PROBLEM REQUIREMENTS
From the first line of the records through the line containing "#43=IFCPOLYGONALFACESET(#42,$,(#36,#37,#38,#39,#40,#41),$);", retype every line exactly and nothing else.

[Entries taken from a collection]
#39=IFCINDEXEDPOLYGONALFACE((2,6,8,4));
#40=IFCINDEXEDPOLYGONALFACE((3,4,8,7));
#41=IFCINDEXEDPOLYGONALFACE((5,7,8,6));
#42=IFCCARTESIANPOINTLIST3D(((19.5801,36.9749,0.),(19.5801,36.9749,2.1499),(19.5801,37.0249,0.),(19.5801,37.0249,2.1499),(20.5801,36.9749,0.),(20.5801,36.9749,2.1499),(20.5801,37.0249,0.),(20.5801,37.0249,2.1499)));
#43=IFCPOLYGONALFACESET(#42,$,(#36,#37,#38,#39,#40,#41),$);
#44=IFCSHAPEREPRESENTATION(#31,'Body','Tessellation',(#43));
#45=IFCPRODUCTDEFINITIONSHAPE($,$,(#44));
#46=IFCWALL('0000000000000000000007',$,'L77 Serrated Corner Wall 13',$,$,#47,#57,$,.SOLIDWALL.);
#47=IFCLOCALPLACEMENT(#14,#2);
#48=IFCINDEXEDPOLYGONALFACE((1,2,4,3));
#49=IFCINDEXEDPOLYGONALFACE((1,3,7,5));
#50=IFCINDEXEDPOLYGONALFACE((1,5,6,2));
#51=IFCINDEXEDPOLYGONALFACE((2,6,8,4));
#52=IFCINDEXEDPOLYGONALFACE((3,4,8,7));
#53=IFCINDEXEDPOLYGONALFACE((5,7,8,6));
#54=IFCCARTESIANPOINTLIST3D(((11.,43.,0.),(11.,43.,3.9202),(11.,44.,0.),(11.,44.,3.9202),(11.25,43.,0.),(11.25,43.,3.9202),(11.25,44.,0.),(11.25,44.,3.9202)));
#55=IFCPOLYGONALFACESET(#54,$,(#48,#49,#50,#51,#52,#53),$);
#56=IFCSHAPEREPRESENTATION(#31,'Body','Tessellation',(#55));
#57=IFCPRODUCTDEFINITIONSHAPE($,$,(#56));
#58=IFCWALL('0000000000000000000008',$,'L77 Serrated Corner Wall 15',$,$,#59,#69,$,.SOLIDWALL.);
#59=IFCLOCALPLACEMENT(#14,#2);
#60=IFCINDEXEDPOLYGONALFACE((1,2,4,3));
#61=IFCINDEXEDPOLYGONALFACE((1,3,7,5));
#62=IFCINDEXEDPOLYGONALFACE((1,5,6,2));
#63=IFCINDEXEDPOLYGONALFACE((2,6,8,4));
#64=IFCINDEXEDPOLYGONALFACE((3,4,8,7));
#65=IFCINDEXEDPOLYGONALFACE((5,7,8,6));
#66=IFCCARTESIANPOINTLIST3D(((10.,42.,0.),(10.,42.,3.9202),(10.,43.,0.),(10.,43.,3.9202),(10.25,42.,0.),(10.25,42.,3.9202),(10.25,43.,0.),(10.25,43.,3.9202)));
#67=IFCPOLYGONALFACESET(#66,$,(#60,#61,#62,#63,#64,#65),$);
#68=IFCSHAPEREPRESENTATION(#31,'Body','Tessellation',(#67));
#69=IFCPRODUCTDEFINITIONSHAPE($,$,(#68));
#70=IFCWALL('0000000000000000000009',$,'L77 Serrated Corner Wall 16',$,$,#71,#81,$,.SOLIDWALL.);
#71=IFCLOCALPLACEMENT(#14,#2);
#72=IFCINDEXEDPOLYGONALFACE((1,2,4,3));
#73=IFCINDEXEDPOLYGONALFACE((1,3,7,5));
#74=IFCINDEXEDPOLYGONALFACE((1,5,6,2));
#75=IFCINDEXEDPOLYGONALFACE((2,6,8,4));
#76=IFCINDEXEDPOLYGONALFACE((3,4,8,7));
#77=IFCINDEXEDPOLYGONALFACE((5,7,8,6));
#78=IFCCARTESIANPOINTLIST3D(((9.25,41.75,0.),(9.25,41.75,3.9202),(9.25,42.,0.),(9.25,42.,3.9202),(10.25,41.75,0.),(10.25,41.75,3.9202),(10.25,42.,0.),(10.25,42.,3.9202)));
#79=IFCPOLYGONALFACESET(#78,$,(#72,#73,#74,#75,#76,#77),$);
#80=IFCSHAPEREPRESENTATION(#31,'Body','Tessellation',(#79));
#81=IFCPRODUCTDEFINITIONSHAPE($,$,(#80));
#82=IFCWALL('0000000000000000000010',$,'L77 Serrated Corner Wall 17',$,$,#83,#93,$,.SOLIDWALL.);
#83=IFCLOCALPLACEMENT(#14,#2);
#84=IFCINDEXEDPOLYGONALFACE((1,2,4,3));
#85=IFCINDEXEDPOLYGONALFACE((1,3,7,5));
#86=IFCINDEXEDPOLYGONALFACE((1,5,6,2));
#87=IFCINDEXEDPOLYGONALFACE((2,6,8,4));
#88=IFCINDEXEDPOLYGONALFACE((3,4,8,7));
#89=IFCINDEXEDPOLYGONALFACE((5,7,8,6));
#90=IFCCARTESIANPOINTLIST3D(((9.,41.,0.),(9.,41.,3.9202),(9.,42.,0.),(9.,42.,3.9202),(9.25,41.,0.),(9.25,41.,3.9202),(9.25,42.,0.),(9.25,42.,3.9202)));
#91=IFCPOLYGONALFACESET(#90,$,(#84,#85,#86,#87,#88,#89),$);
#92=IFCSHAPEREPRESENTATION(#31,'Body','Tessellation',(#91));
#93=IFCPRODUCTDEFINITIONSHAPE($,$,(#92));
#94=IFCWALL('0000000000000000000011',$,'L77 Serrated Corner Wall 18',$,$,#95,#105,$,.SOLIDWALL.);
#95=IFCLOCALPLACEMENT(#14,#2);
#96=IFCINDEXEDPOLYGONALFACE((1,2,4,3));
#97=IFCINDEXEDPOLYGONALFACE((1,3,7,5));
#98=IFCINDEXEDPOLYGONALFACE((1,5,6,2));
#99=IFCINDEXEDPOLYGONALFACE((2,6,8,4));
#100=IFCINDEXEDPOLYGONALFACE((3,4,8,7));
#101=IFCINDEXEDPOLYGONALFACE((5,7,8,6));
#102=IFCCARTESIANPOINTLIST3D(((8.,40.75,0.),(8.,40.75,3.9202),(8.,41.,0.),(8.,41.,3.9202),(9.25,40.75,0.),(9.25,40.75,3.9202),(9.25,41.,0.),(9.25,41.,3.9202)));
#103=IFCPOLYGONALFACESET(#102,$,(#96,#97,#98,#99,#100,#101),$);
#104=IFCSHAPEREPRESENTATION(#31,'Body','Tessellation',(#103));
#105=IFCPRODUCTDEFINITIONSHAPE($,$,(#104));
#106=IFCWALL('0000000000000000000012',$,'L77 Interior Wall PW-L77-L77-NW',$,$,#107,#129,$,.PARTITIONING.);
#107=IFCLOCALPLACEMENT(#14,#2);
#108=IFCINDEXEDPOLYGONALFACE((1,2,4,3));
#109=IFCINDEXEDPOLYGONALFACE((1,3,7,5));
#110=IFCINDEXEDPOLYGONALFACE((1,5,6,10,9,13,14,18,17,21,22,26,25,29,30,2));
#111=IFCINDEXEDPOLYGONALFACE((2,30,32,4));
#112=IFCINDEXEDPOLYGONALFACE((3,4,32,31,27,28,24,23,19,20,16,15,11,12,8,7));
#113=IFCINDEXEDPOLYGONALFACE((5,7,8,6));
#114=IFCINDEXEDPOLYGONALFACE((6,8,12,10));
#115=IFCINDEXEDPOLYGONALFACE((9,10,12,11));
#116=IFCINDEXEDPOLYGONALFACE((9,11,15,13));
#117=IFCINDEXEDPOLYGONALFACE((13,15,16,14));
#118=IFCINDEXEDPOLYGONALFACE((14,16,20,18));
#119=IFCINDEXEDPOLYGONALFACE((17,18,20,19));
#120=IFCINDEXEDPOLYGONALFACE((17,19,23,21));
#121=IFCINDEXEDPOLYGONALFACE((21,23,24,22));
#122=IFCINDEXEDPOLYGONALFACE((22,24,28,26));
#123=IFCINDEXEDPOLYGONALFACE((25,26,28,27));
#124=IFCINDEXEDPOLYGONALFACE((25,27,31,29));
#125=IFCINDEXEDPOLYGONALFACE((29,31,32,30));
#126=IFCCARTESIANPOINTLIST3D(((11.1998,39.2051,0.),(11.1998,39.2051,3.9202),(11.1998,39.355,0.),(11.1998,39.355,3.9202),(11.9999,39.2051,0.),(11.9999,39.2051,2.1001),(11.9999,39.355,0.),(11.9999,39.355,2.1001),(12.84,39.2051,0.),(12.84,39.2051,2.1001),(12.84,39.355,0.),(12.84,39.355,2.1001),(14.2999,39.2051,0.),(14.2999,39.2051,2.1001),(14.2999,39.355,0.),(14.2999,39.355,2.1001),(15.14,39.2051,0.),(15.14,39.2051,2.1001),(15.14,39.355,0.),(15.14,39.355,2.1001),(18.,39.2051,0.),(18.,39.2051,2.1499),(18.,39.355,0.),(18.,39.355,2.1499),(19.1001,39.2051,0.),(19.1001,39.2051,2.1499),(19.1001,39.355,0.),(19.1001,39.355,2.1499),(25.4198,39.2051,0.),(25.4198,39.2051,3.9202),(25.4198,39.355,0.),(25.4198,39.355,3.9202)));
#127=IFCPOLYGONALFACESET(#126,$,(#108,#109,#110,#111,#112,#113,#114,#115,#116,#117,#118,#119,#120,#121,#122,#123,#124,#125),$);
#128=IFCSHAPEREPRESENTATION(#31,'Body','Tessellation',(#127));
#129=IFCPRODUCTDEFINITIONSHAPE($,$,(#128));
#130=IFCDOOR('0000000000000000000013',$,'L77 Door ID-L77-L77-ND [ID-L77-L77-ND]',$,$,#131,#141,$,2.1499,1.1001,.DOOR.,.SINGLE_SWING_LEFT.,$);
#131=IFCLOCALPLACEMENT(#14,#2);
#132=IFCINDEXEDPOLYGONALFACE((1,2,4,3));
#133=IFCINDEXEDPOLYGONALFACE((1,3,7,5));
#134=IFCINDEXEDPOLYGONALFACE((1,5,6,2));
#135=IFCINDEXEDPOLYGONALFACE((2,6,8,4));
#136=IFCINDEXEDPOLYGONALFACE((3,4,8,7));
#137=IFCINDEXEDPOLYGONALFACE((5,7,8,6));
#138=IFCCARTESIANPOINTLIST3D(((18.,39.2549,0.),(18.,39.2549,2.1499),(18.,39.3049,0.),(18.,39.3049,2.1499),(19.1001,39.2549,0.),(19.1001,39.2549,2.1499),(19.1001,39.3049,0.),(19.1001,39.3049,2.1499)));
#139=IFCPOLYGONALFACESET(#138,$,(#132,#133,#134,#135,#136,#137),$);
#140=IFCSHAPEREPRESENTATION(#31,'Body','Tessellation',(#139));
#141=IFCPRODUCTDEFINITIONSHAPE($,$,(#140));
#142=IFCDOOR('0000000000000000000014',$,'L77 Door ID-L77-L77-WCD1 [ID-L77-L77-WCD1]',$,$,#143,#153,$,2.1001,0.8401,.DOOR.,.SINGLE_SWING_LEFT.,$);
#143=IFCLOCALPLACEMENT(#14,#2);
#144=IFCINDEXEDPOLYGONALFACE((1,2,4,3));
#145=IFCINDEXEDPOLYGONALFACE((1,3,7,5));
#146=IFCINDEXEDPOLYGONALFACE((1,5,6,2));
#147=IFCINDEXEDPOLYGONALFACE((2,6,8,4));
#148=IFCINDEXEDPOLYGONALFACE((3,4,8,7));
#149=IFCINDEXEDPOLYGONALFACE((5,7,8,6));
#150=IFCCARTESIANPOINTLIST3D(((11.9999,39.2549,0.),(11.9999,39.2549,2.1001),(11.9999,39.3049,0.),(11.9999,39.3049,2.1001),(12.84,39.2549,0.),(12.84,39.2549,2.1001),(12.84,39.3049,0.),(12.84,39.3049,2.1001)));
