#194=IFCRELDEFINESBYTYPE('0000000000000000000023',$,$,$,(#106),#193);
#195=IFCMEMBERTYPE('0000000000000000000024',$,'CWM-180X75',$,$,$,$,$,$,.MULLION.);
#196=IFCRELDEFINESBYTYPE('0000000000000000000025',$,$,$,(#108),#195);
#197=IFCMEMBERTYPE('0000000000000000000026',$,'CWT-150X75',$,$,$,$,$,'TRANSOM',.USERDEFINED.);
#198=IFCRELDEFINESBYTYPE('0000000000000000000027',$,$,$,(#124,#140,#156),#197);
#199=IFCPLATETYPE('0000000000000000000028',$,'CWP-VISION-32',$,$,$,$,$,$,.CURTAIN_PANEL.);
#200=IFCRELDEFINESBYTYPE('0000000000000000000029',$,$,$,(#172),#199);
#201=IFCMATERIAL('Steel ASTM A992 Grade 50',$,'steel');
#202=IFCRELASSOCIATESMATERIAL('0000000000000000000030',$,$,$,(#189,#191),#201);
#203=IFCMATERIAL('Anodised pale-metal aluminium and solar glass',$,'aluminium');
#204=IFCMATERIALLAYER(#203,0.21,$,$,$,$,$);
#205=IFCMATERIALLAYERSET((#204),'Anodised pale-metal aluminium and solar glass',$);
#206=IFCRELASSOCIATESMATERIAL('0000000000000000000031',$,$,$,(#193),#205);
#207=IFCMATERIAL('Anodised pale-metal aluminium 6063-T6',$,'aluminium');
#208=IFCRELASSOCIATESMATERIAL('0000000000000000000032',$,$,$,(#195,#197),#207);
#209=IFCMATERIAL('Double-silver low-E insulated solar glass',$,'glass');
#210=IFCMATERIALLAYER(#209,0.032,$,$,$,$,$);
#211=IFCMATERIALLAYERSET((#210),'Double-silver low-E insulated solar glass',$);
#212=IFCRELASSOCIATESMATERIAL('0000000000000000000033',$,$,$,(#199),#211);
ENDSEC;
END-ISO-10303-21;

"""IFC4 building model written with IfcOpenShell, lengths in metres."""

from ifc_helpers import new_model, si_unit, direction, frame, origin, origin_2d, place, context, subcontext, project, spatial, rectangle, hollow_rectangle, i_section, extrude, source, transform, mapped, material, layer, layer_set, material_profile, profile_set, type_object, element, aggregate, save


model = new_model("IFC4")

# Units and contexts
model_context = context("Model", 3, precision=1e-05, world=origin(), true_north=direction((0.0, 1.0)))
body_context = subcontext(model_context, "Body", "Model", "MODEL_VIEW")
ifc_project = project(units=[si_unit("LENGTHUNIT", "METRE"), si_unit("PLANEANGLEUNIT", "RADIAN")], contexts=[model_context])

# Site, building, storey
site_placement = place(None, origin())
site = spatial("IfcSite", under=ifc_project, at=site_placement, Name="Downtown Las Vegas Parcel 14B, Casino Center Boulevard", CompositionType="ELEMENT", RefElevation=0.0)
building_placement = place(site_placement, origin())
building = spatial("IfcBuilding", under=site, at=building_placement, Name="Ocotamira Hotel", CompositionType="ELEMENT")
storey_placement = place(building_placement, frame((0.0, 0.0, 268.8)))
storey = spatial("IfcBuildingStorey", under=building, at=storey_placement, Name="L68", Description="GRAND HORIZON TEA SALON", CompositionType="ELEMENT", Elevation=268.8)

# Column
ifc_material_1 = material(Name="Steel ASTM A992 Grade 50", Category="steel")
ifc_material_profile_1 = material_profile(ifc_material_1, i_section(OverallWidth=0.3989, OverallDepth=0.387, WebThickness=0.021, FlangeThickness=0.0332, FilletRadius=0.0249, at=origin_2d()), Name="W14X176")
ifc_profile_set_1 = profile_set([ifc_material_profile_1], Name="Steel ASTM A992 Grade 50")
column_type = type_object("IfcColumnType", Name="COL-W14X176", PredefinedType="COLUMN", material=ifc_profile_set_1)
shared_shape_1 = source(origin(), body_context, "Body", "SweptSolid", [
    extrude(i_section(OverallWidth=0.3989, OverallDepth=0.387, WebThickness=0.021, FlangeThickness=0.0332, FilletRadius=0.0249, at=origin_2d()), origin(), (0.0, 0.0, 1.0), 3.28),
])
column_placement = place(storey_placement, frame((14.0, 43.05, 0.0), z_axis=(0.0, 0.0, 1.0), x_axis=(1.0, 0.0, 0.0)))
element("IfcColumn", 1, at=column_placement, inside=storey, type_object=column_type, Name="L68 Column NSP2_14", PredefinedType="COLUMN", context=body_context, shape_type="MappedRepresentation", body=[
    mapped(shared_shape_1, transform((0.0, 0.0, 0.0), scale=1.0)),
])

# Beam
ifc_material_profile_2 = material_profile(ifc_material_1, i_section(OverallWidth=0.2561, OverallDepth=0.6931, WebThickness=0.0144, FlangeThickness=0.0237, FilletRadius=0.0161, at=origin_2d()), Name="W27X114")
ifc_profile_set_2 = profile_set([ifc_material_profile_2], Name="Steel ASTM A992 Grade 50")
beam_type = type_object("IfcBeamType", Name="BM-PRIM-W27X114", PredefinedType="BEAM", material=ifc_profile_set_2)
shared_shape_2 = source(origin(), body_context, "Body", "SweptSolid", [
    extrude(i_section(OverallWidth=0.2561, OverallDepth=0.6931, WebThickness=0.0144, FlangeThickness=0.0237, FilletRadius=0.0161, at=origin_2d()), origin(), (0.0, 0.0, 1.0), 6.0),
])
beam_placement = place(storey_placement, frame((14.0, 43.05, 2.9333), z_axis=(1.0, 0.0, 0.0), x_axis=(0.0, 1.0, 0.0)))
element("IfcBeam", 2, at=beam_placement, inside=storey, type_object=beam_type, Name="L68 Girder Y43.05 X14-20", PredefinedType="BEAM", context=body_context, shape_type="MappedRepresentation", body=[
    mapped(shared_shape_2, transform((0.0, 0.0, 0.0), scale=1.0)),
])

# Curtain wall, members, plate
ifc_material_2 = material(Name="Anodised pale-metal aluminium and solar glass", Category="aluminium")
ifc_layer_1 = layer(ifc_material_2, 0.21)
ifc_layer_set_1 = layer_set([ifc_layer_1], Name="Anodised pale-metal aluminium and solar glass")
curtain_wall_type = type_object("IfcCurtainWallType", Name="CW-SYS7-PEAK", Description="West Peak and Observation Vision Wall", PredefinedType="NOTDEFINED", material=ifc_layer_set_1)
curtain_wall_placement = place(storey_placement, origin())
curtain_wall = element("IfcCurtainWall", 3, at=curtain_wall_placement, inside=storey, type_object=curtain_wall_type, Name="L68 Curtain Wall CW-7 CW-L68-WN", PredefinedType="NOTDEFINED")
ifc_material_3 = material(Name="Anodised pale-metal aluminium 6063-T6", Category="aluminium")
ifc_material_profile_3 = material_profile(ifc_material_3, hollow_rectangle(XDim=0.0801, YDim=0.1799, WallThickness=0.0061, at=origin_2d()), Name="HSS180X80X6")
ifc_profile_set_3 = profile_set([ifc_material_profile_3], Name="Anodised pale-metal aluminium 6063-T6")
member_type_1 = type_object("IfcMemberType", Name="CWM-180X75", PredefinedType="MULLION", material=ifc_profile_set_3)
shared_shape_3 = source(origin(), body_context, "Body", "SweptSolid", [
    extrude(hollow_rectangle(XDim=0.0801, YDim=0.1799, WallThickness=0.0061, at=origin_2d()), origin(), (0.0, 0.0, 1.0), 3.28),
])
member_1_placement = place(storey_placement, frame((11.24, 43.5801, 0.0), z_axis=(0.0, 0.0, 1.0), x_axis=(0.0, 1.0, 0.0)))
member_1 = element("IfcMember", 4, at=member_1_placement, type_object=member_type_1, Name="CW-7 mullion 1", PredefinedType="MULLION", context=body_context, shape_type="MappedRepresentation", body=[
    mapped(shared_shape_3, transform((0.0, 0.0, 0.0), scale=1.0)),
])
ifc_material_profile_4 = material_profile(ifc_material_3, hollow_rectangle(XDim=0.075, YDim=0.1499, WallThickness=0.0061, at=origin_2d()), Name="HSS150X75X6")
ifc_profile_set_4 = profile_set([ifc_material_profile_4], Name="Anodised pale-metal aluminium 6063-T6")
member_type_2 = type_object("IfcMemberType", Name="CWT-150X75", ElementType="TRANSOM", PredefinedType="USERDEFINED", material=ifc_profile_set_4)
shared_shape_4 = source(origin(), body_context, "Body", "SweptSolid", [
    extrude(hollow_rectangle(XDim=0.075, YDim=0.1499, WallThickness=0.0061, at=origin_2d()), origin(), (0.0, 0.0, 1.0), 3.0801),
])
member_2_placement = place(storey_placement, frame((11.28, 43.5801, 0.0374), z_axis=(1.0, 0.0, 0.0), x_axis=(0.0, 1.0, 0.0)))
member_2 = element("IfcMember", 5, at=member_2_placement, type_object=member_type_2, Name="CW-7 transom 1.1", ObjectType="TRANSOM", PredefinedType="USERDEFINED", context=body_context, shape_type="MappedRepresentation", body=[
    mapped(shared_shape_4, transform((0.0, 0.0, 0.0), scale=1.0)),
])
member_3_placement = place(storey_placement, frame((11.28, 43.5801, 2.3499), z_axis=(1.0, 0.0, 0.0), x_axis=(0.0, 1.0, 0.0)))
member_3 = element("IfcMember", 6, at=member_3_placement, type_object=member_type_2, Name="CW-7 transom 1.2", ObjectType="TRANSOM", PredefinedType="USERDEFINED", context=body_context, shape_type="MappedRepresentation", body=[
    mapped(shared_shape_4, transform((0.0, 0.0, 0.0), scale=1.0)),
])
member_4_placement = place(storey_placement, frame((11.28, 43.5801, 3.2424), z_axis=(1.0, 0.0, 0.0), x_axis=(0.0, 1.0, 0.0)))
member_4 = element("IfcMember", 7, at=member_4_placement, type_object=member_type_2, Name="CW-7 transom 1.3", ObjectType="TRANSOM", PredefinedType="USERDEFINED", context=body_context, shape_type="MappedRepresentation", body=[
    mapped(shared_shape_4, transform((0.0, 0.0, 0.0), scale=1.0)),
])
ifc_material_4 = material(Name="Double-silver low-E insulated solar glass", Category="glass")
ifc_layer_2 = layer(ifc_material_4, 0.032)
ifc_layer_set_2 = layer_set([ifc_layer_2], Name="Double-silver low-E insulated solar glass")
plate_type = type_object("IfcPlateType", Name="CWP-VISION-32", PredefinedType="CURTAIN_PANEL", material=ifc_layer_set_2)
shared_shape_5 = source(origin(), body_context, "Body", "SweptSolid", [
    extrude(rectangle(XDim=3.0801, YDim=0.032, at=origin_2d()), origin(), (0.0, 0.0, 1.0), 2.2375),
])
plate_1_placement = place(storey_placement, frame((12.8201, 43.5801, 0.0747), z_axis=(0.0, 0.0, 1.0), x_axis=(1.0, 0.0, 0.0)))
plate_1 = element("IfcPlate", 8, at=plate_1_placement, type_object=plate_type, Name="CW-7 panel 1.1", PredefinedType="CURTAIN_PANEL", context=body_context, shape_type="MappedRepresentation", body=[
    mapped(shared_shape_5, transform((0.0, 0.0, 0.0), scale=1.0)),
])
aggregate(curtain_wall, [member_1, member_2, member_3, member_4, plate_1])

EXERCISE SOLUTION
#39=IFCINDEXEDPOLYGONALFACE((2,6,8,4));
#40=IFCINDEXEDPOLYGONALFACE((3,4,8,7));
#41=IFCINDEXEDPOLYGONALFACE((5,7,8,6));
#42=IFCCARTESIANPOINTLIST3D(((19.5801,36.9749,0.),(19.5801,36.9749,2.1499),(19.5801,37.0249,0.),(19.5801,37.0249,2.1499),(20.5801,36.9749,0.),(20.5801,36.9749,2.1499),(20.5801,37.0249,0.),(20.5801,37.0249,2.1499)));
#43=IFCPOLYGONALFACESET(#42,$,(#36,#37,#38,#39,#40,#41),$);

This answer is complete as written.